Required work:
The answer must be one number: the count of lines in the data below that include "Anodized".

(Collected data)
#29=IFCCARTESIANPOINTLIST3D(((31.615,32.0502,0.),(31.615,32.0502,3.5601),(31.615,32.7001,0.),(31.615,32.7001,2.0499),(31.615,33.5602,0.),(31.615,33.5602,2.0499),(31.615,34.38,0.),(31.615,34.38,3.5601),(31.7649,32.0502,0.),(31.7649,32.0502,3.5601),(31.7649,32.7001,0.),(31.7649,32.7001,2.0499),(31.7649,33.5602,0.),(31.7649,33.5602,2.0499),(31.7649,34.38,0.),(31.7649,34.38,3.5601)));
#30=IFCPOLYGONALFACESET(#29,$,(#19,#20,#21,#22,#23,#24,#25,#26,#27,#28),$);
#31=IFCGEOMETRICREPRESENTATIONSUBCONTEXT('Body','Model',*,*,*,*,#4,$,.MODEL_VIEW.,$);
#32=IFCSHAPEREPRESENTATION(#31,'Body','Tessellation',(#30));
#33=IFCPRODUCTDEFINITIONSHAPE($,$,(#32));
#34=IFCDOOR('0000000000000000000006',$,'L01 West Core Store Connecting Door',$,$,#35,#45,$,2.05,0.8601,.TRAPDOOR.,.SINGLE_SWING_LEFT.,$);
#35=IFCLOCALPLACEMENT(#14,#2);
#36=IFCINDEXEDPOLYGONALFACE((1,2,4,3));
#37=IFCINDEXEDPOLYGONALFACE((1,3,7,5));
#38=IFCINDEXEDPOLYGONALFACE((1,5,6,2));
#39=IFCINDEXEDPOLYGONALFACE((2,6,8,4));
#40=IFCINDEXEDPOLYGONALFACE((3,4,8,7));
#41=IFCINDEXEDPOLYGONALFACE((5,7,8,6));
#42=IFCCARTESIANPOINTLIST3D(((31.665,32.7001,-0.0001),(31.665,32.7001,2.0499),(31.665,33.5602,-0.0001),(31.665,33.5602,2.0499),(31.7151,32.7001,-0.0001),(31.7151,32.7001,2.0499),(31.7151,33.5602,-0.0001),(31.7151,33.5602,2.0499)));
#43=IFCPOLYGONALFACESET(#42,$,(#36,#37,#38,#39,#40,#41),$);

--

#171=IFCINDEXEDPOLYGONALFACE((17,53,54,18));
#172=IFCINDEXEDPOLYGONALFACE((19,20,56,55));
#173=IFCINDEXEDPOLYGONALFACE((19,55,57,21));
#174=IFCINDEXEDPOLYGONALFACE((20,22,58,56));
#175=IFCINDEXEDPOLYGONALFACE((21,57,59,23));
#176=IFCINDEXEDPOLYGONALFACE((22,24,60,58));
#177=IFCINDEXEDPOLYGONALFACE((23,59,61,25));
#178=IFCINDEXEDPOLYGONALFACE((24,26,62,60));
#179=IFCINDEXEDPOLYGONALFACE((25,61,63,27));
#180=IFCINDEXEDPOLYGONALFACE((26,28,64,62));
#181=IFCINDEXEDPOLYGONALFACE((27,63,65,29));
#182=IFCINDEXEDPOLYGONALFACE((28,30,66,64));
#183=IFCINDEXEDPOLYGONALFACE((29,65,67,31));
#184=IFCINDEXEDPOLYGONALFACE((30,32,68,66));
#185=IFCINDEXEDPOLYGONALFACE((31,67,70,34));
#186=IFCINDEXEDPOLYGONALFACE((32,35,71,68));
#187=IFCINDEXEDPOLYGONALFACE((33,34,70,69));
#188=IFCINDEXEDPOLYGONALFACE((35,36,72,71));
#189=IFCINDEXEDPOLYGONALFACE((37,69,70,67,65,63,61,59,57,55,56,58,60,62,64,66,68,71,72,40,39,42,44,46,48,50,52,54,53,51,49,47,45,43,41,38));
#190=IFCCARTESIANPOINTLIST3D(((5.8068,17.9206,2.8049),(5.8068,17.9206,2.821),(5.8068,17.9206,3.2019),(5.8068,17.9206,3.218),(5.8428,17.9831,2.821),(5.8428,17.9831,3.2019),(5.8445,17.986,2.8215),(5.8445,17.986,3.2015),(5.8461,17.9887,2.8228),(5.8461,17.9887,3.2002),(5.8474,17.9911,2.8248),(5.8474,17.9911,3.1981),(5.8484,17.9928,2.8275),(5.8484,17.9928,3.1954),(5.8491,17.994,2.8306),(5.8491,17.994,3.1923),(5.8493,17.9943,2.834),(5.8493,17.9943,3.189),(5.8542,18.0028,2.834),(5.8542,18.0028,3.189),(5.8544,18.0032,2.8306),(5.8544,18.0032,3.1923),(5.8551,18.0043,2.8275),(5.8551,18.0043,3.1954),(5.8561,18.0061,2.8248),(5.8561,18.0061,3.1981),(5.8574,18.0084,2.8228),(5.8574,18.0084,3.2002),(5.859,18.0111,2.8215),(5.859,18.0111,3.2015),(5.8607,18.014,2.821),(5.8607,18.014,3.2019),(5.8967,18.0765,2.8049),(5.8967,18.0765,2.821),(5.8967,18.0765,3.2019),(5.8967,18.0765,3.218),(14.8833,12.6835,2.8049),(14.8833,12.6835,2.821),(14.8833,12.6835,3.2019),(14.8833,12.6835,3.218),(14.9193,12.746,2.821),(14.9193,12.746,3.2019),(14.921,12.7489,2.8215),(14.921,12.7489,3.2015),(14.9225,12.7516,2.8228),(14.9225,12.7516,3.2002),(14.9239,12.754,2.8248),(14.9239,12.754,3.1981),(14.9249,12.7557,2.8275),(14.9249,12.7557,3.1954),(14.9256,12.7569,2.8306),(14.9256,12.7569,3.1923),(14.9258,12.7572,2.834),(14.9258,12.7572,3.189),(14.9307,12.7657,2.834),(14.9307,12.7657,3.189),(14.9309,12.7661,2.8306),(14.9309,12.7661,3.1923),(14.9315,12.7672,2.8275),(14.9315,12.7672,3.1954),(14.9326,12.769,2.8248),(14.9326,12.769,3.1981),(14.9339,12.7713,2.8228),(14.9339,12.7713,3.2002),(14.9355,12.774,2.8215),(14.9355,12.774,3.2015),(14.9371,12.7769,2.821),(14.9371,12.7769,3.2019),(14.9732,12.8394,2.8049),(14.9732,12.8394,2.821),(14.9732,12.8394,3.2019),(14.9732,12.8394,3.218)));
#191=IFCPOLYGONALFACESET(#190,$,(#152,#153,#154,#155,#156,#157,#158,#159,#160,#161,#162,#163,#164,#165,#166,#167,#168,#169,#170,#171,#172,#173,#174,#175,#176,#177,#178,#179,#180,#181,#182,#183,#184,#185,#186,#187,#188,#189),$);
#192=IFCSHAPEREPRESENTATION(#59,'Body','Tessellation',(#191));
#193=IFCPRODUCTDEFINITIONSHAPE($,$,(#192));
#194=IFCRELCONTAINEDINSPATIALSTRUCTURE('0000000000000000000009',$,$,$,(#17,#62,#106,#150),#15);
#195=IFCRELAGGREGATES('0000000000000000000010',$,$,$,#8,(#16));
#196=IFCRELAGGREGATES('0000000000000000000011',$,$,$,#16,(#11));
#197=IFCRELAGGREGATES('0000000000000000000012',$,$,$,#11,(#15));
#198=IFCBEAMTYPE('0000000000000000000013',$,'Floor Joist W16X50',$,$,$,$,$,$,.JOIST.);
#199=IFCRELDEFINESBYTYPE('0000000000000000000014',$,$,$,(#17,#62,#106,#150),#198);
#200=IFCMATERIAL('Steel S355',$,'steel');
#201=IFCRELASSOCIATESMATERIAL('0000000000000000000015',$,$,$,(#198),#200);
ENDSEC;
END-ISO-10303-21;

* * *

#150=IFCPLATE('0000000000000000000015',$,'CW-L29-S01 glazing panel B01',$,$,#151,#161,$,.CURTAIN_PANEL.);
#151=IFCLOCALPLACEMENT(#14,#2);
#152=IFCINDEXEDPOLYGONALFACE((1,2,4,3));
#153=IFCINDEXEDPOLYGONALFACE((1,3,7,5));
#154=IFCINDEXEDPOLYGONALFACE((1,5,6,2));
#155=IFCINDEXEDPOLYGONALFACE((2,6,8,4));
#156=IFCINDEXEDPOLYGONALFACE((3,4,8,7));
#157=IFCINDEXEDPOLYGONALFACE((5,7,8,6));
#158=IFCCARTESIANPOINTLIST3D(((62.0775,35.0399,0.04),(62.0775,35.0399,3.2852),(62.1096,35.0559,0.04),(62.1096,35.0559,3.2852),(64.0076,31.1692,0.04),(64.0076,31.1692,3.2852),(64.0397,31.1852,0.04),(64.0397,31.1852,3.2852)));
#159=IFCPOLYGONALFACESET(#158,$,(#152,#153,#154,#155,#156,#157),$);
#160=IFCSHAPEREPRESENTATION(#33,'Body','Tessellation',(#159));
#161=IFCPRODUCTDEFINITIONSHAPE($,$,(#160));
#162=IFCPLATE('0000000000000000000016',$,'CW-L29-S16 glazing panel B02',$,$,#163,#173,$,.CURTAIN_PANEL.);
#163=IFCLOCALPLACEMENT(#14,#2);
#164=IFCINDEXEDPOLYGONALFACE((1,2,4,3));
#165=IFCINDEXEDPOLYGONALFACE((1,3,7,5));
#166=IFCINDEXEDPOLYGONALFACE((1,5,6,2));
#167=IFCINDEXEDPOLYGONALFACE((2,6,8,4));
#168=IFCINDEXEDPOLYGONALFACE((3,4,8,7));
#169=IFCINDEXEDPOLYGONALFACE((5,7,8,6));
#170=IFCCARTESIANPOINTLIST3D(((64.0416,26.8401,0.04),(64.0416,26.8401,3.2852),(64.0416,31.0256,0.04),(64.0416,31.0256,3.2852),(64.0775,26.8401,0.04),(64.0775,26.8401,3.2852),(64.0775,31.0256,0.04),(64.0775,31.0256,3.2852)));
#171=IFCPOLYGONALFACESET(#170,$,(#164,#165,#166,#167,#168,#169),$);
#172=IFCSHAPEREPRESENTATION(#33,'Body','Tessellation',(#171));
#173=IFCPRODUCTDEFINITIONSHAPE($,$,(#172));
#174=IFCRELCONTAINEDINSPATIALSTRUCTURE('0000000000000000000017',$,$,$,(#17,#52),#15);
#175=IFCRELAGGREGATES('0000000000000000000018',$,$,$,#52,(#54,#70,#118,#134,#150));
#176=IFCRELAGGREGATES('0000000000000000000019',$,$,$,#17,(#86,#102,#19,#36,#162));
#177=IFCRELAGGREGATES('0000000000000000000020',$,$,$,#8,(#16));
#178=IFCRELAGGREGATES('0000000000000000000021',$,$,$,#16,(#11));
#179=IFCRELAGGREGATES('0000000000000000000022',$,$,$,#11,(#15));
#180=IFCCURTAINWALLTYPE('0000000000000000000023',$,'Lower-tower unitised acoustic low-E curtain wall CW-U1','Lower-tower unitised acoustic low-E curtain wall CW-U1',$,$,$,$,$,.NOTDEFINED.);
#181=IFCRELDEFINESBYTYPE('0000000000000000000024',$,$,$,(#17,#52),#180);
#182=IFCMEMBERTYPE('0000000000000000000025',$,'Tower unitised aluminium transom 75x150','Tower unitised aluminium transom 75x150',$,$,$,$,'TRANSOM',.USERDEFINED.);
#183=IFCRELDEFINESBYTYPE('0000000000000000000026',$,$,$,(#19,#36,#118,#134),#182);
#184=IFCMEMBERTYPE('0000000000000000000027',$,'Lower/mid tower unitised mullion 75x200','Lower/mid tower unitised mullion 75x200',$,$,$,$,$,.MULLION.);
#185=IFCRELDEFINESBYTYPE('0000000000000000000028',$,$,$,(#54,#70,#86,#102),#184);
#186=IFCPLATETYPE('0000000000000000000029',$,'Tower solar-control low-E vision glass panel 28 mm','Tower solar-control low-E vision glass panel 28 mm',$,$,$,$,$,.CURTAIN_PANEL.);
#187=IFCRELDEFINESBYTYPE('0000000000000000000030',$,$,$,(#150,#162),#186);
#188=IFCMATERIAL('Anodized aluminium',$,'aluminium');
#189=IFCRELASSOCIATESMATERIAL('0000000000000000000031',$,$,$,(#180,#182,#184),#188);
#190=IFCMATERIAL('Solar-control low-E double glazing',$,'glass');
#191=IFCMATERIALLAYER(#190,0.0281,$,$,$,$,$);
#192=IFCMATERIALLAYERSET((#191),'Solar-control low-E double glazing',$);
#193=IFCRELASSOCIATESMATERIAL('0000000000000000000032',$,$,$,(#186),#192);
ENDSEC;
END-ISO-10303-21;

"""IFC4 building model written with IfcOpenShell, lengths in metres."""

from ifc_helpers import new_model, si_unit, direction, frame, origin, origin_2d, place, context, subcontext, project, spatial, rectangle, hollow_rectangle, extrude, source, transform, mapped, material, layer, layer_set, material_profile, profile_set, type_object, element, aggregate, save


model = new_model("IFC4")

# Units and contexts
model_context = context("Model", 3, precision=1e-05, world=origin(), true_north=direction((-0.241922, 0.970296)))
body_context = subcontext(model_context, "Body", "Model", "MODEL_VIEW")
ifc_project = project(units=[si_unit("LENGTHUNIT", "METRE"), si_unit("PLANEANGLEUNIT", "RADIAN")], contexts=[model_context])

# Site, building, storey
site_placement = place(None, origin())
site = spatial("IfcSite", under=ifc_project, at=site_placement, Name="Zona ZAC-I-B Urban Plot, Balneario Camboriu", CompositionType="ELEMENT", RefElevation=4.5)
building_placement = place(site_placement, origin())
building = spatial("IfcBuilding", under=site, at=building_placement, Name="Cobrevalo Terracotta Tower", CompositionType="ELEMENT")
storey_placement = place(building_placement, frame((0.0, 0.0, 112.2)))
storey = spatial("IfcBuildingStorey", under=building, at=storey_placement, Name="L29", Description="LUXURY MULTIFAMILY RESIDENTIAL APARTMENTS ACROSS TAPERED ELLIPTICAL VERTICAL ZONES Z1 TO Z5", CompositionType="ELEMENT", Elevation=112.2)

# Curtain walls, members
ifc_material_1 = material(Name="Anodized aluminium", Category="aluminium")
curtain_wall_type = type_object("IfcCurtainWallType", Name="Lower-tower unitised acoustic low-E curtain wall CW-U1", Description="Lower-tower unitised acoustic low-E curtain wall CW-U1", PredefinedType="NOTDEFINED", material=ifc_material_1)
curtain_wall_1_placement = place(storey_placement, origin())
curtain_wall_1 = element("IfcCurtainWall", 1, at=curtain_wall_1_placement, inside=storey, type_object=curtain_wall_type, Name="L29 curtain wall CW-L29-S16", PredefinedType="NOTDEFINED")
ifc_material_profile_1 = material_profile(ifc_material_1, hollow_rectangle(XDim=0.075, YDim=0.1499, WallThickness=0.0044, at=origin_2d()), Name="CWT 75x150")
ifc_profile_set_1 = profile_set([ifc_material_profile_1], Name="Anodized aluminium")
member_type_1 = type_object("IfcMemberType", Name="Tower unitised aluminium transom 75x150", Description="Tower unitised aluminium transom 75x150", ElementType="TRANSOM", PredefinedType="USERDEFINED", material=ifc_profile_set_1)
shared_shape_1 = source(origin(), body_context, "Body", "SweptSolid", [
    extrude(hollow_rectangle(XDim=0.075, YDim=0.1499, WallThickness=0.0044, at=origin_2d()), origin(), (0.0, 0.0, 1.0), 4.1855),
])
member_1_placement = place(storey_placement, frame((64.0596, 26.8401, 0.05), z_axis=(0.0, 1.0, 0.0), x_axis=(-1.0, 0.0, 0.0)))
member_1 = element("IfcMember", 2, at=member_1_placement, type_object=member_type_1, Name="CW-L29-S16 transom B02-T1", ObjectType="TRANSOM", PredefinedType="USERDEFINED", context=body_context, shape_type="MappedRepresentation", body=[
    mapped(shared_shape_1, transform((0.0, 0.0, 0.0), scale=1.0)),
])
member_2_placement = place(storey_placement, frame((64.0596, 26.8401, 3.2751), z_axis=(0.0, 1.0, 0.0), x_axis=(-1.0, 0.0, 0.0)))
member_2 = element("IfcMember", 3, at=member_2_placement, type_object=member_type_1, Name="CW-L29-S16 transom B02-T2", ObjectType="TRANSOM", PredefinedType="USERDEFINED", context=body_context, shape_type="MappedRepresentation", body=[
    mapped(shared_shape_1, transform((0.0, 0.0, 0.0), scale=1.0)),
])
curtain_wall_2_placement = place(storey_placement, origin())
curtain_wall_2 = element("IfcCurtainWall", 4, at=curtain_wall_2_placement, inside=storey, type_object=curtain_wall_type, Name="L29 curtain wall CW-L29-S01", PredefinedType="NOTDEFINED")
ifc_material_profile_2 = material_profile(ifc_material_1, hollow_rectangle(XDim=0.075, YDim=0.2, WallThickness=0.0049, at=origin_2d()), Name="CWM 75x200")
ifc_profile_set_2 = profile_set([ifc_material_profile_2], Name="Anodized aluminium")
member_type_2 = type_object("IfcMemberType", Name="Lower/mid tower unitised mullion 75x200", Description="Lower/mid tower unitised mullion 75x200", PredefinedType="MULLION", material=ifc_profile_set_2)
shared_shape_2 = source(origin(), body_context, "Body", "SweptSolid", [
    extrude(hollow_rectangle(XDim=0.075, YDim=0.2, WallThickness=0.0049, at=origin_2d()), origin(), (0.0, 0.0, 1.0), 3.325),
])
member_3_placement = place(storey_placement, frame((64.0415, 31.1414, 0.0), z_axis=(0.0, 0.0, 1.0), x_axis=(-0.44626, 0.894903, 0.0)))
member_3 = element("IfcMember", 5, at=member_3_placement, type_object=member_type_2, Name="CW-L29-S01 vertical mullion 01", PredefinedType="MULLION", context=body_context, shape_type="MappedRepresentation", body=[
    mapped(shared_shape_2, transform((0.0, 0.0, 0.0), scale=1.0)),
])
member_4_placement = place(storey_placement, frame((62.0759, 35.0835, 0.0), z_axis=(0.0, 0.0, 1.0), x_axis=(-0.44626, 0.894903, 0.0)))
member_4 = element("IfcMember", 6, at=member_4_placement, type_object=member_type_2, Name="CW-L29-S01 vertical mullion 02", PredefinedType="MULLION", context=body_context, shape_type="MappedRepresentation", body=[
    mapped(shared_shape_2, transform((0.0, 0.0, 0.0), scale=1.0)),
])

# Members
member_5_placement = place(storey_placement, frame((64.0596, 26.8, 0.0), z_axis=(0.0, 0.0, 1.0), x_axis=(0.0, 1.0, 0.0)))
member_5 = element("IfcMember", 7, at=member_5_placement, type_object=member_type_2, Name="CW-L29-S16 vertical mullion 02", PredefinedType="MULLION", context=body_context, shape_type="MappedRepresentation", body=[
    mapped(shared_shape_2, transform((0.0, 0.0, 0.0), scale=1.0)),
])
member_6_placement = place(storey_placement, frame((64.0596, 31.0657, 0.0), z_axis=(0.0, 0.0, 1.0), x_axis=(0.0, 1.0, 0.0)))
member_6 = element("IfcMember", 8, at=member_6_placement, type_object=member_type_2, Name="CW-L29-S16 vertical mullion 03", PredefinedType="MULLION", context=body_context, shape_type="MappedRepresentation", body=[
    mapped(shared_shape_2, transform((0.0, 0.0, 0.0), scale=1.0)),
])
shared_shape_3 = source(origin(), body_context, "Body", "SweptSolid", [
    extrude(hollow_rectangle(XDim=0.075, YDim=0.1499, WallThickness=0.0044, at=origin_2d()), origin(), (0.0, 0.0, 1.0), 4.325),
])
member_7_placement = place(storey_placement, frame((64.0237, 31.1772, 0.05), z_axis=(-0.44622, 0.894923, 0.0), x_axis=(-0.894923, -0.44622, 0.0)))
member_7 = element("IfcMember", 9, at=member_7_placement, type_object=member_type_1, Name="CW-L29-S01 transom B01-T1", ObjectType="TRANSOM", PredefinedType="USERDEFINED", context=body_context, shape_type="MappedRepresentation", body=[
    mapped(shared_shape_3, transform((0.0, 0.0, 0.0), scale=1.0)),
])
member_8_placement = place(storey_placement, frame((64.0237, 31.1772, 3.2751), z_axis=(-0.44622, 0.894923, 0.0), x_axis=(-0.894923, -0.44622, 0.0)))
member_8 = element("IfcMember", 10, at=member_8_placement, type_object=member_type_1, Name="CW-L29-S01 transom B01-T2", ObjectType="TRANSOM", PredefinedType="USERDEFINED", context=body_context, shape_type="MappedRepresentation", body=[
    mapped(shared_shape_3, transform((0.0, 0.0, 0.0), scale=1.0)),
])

Exercise response:
4